**ABOUT THIS EXERCISE:** Write out again only the lines that run from the start of the entries to the line containing "#197=IFCINDEXEDPOLYGONALFACE((13,15,16,14));", both included.

*** Opening TASK INPUT ***

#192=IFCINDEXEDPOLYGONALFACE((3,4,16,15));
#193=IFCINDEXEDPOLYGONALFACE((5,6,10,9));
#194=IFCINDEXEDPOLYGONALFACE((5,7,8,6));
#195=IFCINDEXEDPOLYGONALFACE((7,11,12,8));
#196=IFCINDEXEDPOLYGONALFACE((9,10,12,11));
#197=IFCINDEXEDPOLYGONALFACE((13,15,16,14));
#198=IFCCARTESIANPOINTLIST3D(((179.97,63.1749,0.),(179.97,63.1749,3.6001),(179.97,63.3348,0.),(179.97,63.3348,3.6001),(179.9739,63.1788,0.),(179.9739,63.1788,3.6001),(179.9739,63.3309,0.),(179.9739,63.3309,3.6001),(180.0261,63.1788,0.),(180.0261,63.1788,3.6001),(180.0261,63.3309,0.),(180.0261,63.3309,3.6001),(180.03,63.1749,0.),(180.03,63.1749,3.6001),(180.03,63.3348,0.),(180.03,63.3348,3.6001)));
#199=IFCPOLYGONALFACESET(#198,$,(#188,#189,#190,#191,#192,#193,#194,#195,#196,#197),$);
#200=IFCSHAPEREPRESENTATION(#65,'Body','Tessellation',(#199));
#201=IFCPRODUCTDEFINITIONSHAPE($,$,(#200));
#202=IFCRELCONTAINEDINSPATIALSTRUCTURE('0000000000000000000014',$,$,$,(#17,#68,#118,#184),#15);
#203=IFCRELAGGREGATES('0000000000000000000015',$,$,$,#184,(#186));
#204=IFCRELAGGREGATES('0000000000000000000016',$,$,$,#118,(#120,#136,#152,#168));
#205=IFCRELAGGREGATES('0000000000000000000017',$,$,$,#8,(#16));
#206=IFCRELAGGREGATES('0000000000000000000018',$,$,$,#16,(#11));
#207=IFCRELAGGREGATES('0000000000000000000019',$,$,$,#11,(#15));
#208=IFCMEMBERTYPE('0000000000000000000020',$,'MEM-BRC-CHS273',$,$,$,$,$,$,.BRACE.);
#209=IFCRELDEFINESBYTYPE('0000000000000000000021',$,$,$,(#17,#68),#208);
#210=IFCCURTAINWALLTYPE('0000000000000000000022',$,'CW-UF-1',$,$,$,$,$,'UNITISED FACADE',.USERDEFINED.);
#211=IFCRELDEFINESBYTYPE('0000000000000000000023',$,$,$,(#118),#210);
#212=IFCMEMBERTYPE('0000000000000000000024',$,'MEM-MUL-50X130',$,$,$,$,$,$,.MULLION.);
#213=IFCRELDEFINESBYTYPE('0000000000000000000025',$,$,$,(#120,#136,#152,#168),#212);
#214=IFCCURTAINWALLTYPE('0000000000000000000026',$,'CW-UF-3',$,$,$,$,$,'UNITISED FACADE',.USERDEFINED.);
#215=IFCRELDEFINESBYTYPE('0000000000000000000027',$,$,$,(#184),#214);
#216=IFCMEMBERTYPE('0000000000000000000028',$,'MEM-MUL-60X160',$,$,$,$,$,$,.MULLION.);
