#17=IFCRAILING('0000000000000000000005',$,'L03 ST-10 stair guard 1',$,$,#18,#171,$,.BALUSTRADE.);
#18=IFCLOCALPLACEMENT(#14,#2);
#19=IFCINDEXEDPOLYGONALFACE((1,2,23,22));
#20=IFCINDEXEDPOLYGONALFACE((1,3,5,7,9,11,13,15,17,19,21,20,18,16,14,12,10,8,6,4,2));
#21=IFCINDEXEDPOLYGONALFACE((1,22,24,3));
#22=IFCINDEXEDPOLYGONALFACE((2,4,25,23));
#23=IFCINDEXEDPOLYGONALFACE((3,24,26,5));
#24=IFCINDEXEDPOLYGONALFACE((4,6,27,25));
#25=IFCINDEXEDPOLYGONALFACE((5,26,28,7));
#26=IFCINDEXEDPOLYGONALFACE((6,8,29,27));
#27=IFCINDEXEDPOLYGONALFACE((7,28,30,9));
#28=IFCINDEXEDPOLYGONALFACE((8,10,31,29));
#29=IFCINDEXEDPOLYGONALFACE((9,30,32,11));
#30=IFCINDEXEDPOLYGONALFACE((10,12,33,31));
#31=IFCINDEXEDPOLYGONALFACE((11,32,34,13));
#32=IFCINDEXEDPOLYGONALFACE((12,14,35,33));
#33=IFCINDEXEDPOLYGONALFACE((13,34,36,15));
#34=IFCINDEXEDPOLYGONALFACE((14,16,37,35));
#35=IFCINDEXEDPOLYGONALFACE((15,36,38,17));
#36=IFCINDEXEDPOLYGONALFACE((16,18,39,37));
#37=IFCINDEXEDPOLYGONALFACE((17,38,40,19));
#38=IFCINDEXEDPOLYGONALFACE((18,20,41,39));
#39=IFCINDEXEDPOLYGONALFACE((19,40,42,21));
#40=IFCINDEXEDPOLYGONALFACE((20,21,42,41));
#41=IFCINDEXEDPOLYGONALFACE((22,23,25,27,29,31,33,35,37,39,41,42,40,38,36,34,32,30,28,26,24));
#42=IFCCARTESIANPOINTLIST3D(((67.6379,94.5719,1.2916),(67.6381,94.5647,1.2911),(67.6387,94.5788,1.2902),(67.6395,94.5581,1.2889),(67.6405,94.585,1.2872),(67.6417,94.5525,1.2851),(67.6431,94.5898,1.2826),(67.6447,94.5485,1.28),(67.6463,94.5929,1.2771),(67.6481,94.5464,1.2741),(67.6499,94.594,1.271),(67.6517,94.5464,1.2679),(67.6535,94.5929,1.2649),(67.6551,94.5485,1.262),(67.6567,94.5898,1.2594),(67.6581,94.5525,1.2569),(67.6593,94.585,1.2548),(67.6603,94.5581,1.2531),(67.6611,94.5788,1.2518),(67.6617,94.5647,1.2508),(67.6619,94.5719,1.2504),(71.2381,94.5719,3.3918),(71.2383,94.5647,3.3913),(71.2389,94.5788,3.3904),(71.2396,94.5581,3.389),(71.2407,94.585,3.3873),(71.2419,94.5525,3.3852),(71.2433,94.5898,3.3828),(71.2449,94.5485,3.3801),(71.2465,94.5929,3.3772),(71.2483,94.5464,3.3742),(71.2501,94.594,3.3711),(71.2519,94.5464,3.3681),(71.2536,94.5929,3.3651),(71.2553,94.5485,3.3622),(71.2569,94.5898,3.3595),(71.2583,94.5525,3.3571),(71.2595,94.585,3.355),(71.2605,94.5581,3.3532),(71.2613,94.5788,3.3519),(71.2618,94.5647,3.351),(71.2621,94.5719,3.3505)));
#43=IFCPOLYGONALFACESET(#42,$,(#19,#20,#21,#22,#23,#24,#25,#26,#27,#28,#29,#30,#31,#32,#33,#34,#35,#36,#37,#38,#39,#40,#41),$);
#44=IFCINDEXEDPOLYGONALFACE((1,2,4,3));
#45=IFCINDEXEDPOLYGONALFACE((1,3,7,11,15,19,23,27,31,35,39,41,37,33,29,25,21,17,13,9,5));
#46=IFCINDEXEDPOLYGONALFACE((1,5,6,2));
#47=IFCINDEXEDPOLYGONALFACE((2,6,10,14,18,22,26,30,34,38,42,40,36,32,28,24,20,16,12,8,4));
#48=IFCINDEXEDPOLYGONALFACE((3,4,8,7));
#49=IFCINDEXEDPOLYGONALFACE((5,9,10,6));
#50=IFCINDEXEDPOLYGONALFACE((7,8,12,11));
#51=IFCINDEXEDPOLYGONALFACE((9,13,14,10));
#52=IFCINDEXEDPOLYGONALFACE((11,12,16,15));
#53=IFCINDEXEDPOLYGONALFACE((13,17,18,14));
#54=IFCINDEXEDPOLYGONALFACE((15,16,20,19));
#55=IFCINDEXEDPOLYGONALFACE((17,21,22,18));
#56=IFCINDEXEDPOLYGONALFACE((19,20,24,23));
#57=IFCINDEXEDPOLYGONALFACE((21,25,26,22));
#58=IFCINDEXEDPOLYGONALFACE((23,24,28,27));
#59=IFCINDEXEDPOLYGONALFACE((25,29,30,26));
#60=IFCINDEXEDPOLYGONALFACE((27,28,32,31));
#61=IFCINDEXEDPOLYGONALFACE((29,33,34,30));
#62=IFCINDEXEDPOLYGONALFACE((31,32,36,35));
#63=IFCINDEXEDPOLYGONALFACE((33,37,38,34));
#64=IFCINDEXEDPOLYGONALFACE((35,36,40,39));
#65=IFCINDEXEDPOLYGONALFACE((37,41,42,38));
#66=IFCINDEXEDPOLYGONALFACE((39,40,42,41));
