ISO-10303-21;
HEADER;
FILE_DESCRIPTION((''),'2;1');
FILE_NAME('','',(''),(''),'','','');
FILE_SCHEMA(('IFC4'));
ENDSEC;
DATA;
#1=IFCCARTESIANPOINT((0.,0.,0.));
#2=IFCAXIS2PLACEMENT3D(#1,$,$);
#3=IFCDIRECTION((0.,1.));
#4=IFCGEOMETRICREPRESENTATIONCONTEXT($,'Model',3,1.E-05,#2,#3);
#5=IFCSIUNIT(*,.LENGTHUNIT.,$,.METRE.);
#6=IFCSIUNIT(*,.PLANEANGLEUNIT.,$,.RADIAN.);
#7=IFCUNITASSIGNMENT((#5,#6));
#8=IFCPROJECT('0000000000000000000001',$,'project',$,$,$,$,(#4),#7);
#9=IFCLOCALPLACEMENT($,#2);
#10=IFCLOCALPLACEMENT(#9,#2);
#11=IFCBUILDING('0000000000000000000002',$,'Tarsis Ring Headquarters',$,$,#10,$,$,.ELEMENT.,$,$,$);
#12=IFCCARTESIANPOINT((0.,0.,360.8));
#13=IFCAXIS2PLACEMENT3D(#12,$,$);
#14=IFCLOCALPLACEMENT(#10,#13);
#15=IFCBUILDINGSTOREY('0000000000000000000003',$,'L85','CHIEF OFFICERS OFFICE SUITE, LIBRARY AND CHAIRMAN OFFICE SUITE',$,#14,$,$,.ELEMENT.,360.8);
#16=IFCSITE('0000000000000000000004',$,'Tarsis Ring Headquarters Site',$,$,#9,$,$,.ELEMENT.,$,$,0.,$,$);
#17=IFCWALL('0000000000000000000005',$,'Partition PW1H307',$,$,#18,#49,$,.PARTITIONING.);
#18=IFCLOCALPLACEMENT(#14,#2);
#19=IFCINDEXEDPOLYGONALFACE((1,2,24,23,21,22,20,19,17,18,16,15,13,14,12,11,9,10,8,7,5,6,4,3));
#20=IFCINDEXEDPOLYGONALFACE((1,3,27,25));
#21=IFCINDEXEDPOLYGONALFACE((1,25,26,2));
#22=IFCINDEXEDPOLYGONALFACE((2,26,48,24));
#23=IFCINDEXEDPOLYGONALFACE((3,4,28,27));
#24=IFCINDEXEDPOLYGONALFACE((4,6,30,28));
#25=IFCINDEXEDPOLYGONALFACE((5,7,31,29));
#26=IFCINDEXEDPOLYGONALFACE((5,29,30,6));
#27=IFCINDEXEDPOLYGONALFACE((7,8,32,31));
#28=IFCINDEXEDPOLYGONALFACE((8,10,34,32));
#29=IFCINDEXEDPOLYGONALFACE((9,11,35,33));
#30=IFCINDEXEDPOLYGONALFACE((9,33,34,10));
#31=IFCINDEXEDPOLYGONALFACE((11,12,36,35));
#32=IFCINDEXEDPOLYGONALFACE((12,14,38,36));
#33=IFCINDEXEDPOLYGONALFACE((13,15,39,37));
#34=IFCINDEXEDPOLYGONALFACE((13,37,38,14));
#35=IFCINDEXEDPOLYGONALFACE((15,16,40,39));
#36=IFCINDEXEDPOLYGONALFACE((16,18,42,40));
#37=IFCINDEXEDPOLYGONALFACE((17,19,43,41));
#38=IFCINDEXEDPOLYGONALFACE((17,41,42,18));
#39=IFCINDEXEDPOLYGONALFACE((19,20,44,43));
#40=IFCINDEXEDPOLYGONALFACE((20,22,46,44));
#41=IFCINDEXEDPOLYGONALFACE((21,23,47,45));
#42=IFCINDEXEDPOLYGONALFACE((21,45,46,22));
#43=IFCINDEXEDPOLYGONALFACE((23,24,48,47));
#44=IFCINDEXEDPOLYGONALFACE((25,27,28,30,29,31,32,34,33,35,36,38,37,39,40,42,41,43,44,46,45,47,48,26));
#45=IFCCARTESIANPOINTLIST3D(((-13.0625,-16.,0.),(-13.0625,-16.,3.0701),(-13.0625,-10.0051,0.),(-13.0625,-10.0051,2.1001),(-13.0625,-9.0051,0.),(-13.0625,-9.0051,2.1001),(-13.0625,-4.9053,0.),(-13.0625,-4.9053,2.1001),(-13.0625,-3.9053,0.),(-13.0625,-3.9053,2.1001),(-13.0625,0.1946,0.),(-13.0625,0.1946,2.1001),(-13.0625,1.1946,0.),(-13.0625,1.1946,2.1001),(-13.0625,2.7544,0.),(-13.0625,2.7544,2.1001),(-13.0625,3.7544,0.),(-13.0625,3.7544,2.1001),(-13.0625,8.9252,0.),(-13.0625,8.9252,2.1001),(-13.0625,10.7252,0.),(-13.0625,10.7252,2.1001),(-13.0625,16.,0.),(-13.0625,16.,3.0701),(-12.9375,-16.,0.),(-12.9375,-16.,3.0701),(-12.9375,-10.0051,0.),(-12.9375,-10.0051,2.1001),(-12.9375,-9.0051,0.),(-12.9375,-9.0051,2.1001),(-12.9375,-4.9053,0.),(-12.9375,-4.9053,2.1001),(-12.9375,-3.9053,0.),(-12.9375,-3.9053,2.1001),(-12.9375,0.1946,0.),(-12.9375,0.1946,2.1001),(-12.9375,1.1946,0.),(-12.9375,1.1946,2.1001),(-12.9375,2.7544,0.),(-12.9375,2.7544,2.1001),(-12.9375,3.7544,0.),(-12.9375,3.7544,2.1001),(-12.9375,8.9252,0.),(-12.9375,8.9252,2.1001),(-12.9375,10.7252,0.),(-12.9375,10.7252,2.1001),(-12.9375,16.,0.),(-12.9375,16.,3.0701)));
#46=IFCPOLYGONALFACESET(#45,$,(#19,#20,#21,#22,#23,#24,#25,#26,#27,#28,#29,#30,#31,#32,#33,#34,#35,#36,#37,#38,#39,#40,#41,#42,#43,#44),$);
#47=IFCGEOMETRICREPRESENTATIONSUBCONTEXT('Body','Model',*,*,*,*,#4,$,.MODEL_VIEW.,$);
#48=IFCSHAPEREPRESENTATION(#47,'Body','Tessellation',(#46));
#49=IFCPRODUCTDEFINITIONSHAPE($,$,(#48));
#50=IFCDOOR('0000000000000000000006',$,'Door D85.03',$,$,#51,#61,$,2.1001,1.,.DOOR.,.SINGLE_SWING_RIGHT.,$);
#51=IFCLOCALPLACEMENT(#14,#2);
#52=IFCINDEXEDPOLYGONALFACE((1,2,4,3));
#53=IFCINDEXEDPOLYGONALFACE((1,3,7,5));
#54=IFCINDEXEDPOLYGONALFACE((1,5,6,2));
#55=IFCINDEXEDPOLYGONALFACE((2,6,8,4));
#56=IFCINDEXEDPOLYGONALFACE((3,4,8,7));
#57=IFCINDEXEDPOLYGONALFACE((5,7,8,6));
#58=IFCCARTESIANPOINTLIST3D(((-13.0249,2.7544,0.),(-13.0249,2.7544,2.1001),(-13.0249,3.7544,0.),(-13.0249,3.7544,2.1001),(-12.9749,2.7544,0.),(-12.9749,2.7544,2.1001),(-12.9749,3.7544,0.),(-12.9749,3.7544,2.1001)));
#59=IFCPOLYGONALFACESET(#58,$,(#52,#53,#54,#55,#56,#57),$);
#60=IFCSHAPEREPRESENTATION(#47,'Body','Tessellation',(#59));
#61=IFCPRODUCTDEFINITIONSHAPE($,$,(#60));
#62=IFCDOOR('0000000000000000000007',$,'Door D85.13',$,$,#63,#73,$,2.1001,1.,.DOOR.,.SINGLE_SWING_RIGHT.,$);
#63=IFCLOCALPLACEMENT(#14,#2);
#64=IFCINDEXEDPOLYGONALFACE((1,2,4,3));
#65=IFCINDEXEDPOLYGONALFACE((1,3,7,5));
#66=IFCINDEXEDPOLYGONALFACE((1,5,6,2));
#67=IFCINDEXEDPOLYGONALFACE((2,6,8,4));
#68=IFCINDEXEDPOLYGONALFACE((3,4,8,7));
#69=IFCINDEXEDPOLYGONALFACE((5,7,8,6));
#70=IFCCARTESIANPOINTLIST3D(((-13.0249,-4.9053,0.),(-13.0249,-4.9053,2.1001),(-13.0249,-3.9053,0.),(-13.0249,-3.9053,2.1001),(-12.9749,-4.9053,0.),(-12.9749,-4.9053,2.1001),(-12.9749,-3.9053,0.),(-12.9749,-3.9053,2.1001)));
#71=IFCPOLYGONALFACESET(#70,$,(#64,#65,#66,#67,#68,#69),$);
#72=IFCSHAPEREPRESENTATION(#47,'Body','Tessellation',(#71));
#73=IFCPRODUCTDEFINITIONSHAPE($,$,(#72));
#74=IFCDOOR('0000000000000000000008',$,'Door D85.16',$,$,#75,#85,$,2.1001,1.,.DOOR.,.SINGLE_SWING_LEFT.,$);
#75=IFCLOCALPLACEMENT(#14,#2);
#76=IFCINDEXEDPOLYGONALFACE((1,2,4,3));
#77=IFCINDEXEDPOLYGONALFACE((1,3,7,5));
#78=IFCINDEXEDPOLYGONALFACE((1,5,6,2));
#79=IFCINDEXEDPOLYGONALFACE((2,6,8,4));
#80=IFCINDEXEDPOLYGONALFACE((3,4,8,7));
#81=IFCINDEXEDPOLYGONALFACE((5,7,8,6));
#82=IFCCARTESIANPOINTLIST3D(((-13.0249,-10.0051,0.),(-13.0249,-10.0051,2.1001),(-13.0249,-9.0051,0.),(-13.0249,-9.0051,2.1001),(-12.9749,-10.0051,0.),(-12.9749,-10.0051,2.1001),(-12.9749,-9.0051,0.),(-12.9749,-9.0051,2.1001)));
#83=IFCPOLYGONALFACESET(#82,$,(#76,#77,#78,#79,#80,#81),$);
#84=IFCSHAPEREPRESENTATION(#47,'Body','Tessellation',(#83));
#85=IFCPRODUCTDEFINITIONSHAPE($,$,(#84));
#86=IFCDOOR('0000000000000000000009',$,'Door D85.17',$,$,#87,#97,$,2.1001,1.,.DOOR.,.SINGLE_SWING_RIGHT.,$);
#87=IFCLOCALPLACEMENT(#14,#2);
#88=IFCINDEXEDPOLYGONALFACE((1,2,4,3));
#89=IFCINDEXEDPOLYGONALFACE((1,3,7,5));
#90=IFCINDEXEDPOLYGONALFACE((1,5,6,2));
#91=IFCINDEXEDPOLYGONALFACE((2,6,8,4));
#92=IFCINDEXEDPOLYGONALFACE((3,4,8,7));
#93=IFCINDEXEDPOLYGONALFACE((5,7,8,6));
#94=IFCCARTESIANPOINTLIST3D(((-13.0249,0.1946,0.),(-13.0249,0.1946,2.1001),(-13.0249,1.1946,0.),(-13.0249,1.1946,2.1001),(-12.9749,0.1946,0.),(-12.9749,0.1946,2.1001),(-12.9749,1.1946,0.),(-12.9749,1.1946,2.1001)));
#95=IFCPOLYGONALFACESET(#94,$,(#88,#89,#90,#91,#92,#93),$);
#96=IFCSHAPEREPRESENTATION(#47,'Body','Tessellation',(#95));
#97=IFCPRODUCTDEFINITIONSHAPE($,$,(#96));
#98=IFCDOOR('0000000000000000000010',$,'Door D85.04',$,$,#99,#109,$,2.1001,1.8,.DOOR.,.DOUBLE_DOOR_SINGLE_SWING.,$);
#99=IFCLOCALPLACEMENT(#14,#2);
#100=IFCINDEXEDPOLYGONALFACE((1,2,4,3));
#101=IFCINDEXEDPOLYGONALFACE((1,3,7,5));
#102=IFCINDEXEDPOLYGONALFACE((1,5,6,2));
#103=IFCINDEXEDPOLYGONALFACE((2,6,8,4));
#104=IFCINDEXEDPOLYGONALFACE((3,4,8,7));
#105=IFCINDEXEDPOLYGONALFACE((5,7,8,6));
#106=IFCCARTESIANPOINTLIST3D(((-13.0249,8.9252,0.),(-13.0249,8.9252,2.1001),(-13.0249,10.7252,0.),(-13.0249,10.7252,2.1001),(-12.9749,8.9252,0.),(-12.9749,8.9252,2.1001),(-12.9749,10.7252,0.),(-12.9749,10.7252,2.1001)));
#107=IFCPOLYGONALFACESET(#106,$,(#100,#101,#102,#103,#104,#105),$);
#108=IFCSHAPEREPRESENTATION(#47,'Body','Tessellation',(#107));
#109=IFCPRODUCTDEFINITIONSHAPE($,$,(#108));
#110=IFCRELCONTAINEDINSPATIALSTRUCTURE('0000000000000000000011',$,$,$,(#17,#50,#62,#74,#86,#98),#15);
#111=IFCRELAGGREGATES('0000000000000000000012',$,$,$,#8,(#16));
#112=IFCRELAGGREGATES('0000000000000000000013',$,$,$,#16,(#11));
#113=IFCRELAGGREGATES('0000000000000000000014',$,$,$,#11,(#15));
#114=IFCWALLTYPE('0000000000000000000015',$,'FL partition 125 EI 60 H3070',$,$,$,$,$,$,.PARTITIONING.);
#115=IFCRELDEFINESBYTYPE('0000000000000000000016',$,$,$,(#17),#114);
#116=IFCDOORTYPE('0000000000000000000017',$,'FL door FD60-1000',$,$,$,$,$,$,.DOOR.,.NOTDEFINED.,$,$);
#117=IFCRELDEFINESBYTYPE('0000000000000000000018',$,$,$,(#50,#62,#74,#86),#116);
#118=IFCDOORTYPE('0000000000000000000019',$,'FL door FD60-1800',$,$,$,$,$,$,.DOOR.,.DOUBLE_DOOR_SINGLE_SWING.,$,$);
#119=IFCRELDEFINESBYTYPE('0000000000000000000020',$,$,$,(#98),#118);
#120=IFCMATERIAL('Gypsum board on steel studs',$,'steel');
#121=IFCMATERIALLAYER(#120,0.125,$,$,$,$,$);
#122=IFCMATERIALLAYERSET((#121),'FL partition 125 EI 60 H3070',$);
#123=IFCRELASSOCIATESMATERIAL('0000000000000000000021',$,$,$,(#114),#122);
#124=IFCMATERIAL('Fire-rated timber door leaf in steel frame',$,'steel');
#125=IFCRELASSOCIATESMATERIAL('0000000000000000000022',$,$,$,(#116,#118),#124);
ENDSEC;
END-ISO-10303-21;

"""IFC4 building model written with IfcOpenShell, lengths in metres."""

from ifc_helpers import new_model, si_unit, direction, frame, frame_2d, origin, place, context, subcontext, project, spatial, rectangle, extrude, material, layer, layer_set, type_object, element, fill, save


model = new_model("IFC4")

# Units and contexts
model_context = context("Model", 3, precision=1e-05, world=origin(), true_north=direction((0.0, 1.0)))
body_context = subcontext(model_context, "Body", "Model", "MODEL_VIEW")
ifc_project = project(units=[si_unit("LENGTHUNIT", "METRE"), si_unit("PLANEANGLEUNIT", "RADIAN")], contexts=[model_context])

# Site, building, storey
site_placement = place(None, origin())
site = spatial("IfcSite", under=ifc_project, at=site_placement, Name="Tarsis Ring Headquarters Site", CompositionType="ELEMENT", RefElevation=0.0)
building_placement = place(site_placement, origin())
building = spatial("IfcBuilding", under=site, at=building_placement, Name="Tarsis Ring Headquarters", CompositionType="ELEMENT")
storey_placement = place(building_placement, frame((0.0, 0.0, 360.8)))
storey = spatial("IfcBuildingStorey", under=building, at=storey_placement, Name="L85", Description="CHIEF OFFICERS OFFICE SUITE, LIBRARY AND CHAIRMAN OFFICE SUITE", CompositionType="ELEMENT", Elevation=360.8)

# Wall, openings, doors
ifc_material_1 = material(Name="Gypsum board on steel studs", Category="steel")
ifc_layer_1 = layer(ifc_material_1, 0.125)
ifc_layer_set_1 = layer_set([ifc_layer_1], Name="FL partition 125 EI 60 H3070")
wall_type_1 = type_object("IfcWallType", Name="FL partition 125 EI 60 H3070", PredefinedType="PARTITIONING", material=ifc_layer_set_1)
wall_1_placement = place(storey_placement, frame((-13.0, -16.0, 0.0), z_axis=(0.0, 0.0, 1.0), x_axis=(0.0, 1.0, 0.0)))
wall_1 = element("IfcWall", 1, at=wall_1_placement, inside=storey, type_object=wall_type_1, Name="Partition PW1H307", PredefinedType="PARTITIONING", context=body_context, shape_type="SweptSolid", body=[
    extrude(rectangle(XDim=32.0, YDim=0.125, at=frame_2d((16.0, 0.0))), origin(), (0.0, 0.0, 1.0), 3.0701),
])
opening_1_placement = place(wall_1_placement, frame((18.7544, 0.0, 0.0)))
opening_1 = element("IfcOpeningElement", 2, at=opening_1_placement, cuts=wall_1, PredefinedType="OPENING", context=body_context, shape_type="SweptSolid", body=[
    extrude(rectangle(XDim=1.0, YDim=2.1001, at=frame_2d((0.5, 1.05))), frame((0.0, 0.0725, 0.0), z_axis=(0.0, -1.0, 0.0), x_axis=(1.0, 0.0, 0.0)), (0.0, 0.0, 1.0), 0.145),
])
opening_2_placement = place(wall_1_placement, frame((24.9253, 0.0, 0.0)))
opening_2 = element("IfcOpeningElement", 3, at=opening_2_placement, cuts=wall_1, PredefinedType="OPENING", context=body_context, shape_type="SweptSolid", body=[
    extrude(rectangle(XDim=1.8, YDim=2.1001, at=frame_2d((0.8999, 1.05))), frame((0.0, 0.0725, 0.0), z_axis=(0.0, -1.0, 0.0), x_axis=(1.0, 0.0, 0.0)), (0.0, 0.0, 1.0), 0.145),
])
opening_3_placement = place(wall_1_placement, frame((11.0947, 0.0, 0.0)))
opening_3 = element("IfcOpeningElement", 4, at=opening_3_placement, cuts=wall_1, PredefinedType="OPENING", context=body_context, shape_type="SweptSolid", body=[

*** Closing TASK INPUT ***

**WRITTEN RESPONSE:**
#192=IFCINDEXEDPOLYGONALFACE((3,4,16,15));
#193=IFCINDEXEDPOLYGONALFACE((5,6,10,9));
#194=IFCINDEXEDPOLYGONALFACE((5,7,8,6));
#195=IFCINDEXEDPOLYGONALFACE((7,11,12,8));
#196=IFCINDEXEDPOLYGONALFACE((9,10,12,11));
#197=IFCINDEXEDPOLYGONALFACE((13,15,16,14));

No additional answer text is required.